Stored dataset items

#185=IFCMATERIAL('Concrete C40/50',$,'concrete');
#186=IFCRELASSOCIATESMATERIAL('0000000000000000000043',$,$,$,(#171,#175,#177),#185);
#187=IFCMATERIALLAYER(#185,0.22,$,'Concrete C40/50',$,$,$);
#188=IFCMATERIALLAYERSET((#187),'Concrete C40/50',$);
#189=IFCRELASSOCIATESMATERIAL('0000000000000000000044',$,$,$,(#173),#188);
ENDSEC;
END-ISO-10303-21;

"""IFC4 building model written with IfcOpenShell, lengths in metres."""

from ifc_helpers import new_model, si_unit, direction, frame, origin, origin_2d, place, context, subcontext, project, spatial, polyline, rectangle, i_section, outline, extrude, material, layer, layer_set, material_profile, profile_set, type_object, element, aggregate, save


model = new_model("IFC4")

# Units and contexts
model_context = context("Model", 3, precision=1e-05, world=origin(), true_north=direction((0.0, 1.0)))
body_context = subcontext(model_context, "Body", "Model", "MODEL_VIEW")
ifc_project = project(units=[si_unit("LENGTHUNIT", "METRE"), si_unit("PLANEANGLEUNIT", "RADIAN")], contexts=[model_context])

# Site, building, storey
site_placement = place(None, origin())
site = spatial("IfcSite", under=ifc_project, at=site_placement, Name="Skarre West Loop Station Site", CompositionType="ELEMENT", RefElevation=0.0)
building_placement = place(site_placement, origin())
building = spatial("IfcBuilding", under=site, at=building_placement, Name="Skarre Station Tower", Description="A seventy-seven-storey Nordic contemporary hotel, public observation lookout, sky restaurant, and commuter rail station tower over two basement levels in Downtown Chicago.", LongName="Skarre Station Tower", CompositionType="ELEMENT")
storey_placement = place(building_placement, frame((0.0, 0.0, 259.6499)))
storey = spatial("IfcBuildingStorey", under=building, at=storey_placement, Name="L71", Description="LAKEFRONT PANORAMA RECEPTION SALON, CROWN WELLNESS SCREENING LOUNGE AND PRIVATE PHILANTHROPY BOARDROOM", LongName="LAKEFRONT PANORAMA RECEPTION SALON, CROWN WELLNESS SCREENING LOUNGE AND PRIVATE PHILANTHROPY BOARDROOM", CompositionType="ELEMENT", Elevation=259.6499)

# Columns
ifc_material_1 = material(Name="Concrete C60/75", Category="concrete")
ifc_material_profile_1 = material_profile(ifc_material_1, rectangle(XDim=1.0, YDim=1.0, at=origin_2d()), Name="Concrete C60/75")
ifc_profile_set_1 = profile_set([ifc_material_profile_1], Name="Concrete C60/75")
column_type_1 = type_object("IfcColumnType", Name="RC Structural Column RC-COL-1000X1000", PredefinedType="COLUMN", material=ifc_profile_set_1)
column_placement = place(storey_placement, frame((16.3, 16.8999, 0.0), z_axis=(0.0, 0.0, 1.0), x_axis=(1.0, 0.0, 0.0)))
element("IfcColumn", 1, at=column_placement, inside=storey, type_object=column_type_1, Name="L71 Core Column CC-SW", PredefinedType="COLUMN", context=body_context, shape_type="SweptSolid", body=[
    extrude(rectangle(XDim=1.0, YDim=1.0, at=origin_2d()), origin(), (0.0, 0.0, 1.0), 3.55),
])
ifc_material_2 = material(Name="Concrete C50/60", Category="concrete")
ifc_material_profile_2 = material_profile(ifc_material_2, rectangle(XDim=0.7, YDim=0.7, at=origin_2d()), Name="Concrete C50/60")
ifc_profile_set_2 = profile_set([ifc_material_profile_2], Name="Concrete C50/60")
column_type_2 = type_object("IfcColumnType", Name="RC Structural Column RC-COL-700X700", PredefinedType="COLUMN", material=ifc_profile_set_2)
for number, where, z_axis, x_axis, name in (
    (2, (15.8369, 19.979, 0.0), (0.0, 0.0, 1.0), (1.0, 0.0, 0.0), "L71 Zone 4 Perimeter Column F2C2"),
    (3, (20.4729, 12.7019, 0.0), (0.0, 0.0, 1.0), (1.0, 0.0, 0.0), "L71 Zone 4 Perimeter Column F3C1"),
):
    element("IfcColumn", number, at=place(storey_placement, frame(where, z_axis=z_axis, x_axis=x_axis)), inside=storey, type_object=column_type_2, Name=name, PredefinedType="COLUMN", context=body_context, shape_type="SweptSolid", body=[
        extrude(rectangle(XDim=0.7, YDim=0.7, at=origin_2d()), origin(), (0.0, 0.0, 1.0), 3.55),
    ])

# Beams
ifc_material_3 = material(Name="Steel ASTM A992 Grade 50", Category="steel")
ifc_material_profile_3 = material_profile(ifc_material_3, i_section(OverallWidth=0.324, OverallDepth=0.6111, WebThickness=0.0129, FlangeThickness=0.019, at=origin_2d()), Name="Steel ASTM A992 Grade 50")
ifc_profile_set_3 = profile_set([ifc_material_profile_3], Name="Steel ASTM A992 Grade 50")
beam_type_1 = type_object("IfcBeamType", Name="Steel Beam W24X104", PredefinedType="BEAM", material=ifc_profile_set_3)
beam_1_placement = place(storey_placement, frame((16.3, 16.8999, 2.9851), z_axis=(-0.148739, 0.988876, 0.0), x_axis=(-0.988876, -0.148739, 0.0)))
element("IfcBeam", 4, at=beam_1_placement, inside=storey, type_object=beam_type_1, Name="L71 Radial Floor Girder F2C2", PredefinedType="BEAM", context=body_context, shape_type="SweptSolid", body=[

## [Requirement]
With nothing left out, transcribe the records above exactly.

## [Result below]
#185=IFCMATERIAL('Concrete C40/50',$,'concrete');
#186=IFCRELASSOCIATESMATERIAL('0000000000000000000043',$,$,$,(#171,#175,#177),#185);
#187=IFCMATERIALLAYER(#185,0.22,$,'Concrete C40/50',$,$,$);
#188=IFCMATERIALLAYERSET((#187),'Concrete C40/50',$);
#189=IFCRELASSOCIATESMATERIAL('0000000000000000000044',$,$,$,(#173),#188);
ENDSEC;
END-ISO-10303-21;

"""IFC4 building model written with IfcOpenShell, lengths in metres."""

from ifc_helpers import new_model, si_unit, direction, frame, origin, origin_2d, place, context, subcontext, project, spatial, polyline, rectangle, i_section, outline, extrude, material, layer, layer_set, material_profile, profile_set, type_object, element, aggregate, save


model = new_model("IFC4")

# Units and contexts
model_context = context("Model", 3, precision=1e-05, world=origin(), true_north=direction((0.0, 1.0)))
body_context = subcontext(model_context, "Body", "Model", "MODEL_VIEW")
ifc_project = project(units=[si_unit("LENGTHUNIT", "METRE"), si_unit("PLANEANGLEUNIT", "RADIAN")], contexts=[model_context])

# Site, building, storey
site_placement = place(None, origin())
site = spatial("IfcSite", under=ifc_project, at=site_placement, Name="Skarre West Loop Station Site", CompositionType="ELEMENT", RefElevation=0.0)
building_placement = place(site_placement, origin())
building = spatial("IfcBuilding", under=site, at=building_placement, Name="Skarre Station Tower", Description="A seventy-seven-storey Nordic contemporary hotel, public observation lookout, sky restaurant, and commuter rail station tower over two basement levels in Downtown Chicago.", LongName="Skarre Station Tower", CompositionType="ELEMENT")
storey_placement = place(building_placement, frame((0.0, 0.0, 259.6499)))
storey = spatial("IfcBuildingStorey", under=building, at=storey_placement, Name="L71", Description="LAKEFRONT PANORAMA RECEPTION SALON, CROWN WELLNESS SCREENING LOUNGE AND PRIVATE PHILANTHROPY BOARDROOM", LongName="LAKEFRONT PANORAMA RECEPTION SALON, CROWN WELLNESS SCREENING LOUNGE AND PRIVATE PHILANTHROPY BOARDROOM", CompositionType="ELEMENT", Elevation=259.6499)

# Columns
ifc_material_1 = material(Name="Concrete C60/75", Category="concrete")
ifc_material_profile_1 = material_profile(ifc_material_1, rectangle(XDim=1.0, YDim=1.0, at=origin_2d()), Name="Concrete C60/75")
ifc_profile_set_1 = profile_set([ifc_material_profile_1], Name="Concrete C60/75")
column_type_1 = type_object("IfcColumnType", Name="RC Structural Column RC-COL-1000X1000", PredefinedType="COLUMN", material=ifc_profile_set_1)
column_placement = place(storey_placement, frame((16.3, 16.8999, 0.0), z_axis=(0.0, 0.0, 1.0), x_axis=(1.0, 0.0, 0.0)))
element("IfcColumn", 1, at=column_placement, inside=storey, type_object=column_type_1, Name="L71 Core Column CC-SW", PredefinedType="COLUMN", context=body_context, shape_type="SweptSolid", body=[
    extrude(rectangle(XDim=1.0, YDim=1.0, at=origin_2d()), origin(), (0.0, 0.0, 1.0), 3.55),
])
ifc_material_2 = material(Name="Concrete C50/60", Category="concrete")
ifc_material_profile_2 = material_profile(ifc_material_2, rectangle(XDim=0.7, YDim=0.7, at=origin_2d()), Name="Concrete C50/60")
ifc_profile_set_2 = profile_set([ifc_material_profile_2], Name="Concrete C50/60")
column_type_2 = type_object("IfcColumnType", Name="RC Structural Column RC-COL-700X700", PredefinedType="COLUMN", material=ifc_profile_set_2)
for number, where, z_axis, x_axis, name in (
    (2, (15.8369, 19.979, 0.0), (0.0, 0.0, 1.0), (1.0, 0.0, 0.0), "L71 Zone 4 Perimeter Column F2C2"),
    (3, (20.4729, 12.7019, 0.0), (0.0, 0.0, 1.0), (1.0, 0.0, 0.0), "L71 Zone 4 Perimeter Column F3C1"),
):
    element("IfcColumn", number, at=place(storey_placement, frame(where, z_axis=z_axis, x_axis=x_axis)), inside=storey, type_object=column_type_2, Name=name, PredefinedType="COLUMN", context=body_context, shape_type="SweptSolid", body=[
        extrude(rectangle(XDim=0.7, YDim=0.7, at=origin_2d()), origin(), (0.0, 0.0, 1.0), 3.55),
    ])

# Beams
ifc_material_3 = material(Name="Steel ASTM A992 Grade 50", Category="steel")
ifc_material_profile_3 = material_profile(ifc_material_3, i_section(OverallWidth=0.324, OverallDepth=0.6111, WebThickness=0.0129, FlangeThickness=0.019, at=origin_2d()), Name="Steel ASTM A992 Grade 50")
ifc_profile_set_3 = profile_set([ifc_material_profile_3], Name="Steel ASTM A992 Grade 50")
beam_type_1 = type_object("IfcBeamType", Name="Steel Beam W24X104", PredefinedType="BEAM", material=ifc_profile_set_3)
beam_1_placement = place(storey_placement, frame((16.3, 16.8999, 2.9851), z_axis=(-0.148739, 0.988876, 0.0), x_axis=(-0.988876, -0.148739, 0.0)))
element("IfcBeam", 4, at=beam_1_placement, inside=storey, type_object=beam_type_1, Name="L71 Radial Floor Girder F2C2", PredefinedType="BEAM", context=body_context, shape_type="SweptSolid", body=[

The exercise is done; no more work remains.